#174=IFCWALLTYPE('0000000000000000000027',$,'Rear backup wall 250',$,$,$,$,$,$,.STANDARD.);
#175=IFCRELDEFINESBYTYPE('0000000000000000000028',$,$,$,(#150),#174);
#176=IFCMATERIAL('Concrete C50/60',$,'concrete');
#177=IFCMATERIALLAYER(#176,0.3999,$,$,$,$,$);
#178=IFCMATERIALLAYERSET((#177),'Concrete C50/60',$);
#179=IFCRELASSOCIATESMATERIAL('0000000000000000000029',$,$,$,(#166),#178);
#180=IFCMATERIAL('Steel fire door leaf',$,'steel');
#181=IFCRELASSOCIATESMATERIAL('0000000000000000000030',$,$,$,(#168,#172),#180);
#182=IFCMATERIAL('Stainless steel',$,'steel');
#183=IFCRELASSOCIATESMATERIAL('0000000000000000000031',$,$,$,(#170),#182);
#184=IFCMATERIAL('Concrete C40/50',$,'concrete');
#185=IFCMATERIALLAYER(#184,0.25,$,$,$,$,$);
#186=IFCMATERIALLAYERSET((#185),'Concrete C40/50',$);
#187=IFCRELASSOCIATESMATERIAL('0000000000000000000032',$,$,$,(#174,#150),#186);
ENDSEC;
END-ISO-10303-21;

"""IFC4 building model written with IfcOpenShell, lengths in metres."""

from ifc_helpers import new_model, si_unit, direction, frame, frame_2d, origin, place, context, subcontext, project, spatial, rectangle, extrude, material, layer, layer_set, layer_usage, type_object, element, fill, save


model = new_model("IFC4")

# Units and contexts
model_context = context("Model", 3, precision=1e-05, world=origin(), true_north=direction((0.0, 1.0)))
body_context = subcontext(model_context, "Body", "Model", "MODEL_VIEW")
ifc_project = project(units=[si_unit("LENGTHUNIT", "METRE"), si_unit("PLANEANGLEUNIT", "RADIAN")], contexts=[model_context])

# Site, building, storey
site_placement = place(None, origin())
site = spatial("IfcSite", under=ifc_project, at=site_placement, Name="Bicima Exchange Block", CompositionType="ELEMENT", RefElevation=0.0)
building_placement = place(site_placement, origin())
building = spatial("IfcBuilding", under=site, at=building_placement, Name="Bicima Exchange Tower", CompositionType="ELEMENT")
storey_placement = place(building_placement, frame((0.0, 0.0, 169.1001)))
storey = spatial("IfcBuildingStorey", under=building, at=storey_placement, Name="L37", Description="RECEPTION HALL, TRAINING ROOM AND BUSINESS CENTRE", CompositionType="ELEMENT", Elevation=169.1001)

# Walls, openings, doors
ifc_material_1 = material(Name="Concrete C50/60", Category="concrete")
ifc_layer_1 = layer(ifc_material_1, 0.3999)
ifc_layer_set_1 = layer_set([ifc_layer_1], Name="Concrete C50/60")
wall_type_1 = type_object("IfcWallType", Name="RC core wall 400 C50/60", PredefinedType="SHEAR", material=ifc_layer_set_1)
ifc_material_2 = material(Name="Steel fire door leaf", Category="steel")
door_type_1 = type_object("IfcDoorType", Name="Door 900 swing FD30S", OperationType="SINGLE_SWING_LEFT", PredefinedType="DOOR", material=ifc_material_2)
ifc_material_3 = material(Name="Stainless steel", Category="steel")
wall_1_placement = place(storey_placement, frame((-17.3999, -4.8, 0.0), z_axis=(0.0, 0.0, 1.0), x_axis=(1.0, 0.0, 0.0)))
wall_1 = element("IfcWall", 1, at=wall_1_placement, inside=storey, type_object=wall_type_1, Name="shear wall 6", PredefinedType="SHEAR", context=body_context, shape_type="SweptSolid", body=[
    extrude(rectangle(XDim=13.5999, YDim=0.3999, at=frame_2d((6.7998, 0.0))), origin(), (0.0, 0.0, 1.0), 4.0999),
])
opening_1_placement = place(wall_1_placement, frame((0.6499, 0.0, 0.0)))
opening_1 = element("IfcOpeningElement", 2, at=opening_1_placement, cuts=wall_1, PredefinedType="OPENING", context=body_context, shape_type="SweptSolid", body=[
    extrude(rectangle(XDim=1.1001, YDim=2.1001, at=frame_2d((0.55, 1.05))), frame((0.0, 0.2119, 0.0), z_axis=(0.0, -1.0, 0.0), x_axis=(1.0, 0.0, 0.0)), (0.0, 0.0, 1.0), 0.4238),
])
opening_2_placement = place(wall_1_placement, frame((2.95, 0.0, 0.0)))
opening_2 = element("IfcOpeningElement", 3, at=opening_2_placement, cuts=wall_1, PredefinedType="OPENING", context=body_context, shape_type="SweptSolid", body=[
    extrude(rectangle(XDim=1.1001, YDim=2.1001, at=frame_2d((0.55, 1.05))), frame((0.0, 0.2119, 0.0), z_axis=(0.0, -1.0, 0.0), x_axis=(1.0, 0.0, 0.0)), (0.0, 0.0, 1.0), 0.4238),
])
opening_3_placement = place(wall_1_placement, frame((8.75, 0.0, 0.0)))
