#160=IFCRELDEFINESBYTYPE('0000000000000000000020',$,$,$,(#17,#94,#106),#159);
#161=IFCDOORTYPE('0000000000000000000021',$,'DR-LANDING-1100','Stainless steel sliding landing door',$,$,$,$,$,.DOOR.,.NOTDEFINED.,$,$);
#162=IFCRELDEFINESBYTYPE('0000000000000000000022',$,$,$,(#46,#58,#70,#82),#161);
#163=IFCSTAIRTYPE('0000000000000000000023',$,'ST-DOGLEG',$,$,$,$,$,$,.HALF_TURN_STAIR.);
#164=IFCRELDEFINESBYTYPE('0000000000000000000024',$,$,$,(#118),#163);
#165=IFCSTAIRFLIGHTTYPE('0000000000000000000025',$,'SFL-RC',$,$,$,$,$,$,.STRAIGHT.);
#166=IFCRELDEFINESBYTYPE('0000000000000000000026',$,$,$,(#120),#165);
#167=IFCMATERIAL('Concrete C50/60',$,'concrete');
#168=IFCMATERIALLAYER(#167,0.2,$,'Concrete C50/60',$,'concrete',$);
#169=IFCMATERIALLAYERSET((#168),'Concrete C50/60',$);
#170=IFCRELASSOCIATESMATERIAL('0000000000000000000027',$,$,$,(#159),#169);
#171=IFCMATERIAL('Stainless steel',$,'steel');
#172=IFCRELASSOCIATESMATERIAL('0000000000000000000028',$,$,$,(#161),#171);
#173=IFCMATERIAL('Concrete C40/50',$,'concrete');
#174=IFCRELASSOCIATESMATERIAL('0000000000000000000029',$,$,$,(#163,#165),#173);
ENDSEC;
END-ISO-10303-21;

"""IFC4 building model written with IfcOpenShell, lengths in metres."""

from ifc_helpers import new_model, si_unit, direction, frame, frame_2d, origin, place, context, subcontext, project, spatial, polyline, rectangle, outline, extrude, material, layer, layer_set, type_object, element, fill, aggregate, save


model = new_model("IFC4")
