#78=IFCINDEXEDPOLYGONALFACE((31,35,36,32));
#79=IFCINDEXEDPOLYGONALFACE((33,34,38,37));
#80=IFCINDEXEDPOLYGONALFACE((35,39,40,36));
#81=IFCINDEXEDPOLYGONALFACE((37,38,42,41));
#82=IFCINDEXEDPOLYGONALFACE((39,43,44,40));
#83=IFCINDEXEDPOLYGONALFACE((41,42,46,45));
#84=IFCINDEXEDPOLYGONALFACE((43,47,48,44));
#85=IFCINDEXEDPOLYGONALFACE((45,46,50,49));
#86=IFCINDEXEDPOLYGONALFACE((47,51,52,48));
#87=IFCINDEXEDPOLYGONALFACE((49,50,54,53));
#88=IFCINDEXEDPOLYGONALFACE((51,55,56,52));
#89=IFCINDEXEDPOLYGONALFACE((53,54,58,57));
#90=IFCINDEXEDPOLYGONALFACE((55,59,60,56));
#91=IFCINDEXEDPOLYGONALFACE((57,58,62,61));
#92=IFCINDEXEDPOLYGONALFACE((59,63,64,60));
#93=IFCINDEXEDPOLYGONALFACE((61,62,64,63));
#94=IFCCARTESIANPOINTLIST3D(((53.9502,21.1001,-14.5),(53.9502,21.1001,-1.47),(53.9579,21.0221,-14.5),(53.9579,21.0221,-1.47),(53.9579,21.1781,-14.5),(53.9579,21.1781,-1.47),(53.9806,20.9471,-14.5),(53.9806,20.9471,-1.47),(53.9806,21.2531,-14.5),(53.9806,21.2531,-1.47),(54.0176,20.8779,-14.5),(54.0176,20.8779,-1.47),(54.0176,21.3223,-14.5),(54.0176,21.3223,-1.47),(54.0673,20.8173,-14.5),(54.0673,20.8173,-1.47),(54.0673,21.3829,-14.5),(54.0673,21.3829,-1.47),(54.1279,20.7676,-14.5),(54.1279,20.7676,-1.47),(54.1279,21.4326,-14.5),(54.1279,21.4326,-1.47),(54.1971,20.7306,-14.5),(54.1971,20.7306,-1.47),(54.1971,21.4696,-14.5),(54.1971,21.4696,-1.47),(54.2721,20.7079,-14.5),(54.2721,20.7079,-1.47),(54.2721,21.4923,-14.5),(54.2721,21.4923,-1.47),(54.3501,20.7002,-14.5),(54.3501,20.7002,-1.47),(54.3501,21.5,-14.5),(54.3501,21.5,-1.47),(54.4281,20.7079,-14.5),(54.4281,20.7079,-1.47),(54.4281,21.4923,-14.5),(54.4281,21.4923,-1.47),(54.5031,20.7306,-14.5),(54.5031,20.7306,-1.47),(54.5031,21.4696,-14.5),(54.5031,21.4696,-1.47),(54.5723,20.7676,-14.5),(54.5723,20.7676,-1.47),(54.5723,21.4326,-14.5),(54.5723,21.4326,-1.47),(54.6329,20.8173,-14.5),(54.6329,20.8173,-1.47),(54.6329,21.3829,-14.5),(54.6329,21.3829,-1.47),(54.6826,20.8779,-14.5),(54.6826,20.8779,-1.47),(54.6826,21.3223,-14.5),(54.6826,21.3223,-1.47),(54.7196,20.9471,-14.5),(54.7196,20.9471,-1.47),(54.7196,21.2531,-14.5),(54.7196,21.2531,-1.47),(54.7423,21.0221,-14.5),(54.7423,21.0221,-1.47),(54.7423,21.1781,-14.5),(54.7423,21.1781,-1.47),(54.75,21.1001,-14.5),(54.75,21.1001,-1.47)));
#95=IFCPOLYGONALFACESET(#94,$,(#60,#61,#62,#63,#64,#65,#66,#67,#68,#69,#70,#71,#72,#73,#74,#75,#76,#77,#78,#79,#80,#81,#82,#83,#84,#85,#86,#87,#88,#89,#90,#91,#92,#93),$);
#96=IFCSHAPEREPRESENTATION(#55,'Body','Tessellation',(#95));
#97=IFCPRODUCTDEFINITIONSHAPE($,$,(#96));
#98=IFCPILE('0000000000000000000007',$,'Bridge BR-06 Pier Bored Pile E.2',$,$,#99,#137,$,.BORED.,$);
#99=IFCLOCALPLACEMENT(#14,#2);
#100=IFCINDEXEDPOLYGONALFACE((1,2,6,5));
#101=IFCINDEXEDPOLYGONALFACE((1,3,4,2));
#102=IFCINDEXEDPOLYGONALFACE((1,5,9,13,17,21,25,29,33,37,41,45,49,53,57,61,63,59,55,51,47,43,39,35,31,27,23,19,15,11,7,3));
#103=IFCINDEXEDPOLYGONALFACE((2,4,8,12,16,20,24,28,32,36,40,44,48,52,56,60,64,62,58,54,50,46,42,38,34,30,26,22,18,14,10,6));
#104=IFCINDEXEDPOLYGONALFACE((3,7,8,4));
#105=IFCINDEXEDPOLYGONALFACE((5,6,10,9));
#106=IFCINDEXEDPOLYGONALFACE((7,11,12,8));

Problem to work on:
The stretch of entries above that starts with the line containing "#99=IFCLOCALPLACEMENT(#14,#2);" and goes on through the line containing "#104=IFCINDEXEDPOLYGONALFACE((3,7,8,4));" is to be transcribed exactly, and no other line is to be transcribed.

Written answer:
#99=IFCLOCALPLACEMENT(#14,#2);
#100=IFCINDEXEDPOLYGONALFACE((1,2,6,5));
#101=IFCINDEXEDPOLYGONALFACE((1,3,4,2));
#102=IFCINDEXEDPOLYGONALFACE((1,5,9,13,17,21,25,29,33,37,41,45,49,53,57,61,63,59,55,51,47,43,39,35,31,27,23,19,15,11,7,3));
#103=IFCINDEXEDPOLYGONALFACE((2,4,8,12,16,20,24,28,32,36,40,44,48,52,56,60,64,62,58,54,50,46,42,38,34,30,26,22,18,14,10,6));
#104=IFCINDEXEDPOLYGONALFACE((3,7,8,4));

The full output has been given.